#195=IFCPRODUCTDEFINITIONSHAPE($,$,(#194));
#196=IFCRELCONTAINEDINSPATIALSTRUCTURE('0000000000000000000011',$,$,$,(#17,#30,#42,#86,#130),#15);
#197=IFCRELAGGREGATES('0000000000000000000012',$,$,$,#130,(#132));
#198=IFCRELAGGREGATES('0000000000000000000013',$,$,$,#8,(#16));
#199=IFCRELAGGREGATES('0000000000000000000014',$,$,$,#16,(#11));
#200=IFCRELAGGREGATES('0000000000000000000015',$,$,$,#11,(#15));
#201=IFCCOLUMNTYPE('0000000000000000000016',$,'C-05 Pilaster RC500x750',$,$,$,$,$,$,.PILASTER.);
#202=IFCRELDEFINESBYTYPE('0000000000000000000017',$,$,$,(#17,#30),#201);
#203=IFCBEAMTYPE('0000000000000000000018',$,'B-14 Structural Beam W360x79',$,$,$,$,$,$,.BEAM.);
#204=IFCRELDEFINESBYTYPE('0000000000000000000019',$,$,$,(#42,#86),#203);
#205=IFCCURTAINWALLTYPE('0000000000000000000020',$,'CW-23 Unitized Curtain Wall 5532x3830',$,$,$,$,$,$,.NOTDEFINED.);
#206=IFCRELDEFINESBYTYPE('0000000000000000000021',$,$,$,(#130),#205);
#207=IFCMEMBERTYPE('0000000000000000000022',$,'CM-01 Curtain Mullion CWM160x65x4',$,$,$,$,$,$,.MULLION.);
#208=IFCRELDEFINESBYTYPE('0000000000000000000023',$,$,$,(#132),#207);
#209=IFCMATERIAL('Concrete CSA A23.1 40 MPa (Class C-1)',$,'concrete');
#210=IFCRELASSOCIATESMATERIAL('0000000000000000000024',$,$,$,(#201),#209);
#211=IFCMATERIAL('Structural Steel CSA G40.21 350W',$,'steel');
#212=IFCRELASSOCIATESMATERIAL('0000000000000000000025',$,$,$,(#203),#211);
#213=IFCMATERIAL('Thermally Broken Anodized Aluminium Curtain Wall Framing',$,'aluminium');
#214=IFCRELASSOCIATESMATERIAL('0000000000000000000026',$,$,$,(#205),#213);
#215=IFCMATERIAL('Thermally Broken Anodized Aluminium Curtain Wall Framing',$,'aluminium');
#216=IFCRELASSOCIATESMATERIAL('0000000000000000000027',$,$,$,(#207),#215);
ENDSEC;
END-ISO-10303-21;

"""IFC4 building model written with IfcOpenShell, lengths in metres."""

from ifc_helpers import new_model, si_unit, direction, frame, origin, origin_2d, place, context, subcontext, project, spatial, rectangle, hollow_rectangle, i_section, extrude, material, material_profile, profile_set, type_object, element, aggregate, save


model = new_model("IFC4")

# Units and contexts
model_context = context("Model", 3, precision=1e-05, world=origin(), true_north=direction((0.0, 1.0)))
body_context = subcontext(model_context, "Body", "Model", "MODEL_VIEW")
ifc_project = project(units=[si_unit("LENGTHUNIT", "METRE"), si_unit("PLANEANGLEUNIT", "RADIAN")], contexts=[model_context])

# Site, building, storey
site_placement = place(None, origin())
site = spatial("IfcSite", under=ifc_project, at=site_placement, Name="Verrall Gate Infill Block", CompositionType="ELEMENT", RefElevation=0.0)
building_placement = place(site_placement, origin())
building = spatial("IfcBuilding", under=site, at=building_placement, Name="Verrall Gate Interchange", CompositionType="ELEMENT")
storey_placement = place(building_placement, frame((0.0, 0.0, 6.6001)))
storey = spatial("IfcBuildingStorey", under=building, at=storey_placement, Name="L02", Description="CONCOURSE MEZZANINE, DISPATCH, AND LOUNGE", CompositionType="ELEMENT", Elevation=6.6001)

================

--- WHAT THE TASK ASKS ---
Copy out, from the listing above, every line that contains the word "IFCRELDEFINESBYTYPE".

--- FINISHED EXERCISE ---
#202=IFCRELDEFINESBYTYPE('0000000000000000000017',$,$,$,(#17,#30),#201);
#204=IFCRELDEFINESBYTYPE('0000000000000000000019',$,$,$,(#42,#86),#203);
#206=IFCRELDEFINESBYTYPE('0000000000000000000021',$,$,$,(#130),#205);
#208=IFCRELDEFINESBYTYPE('0000000000000000000023',$,$,$,(#132),#207);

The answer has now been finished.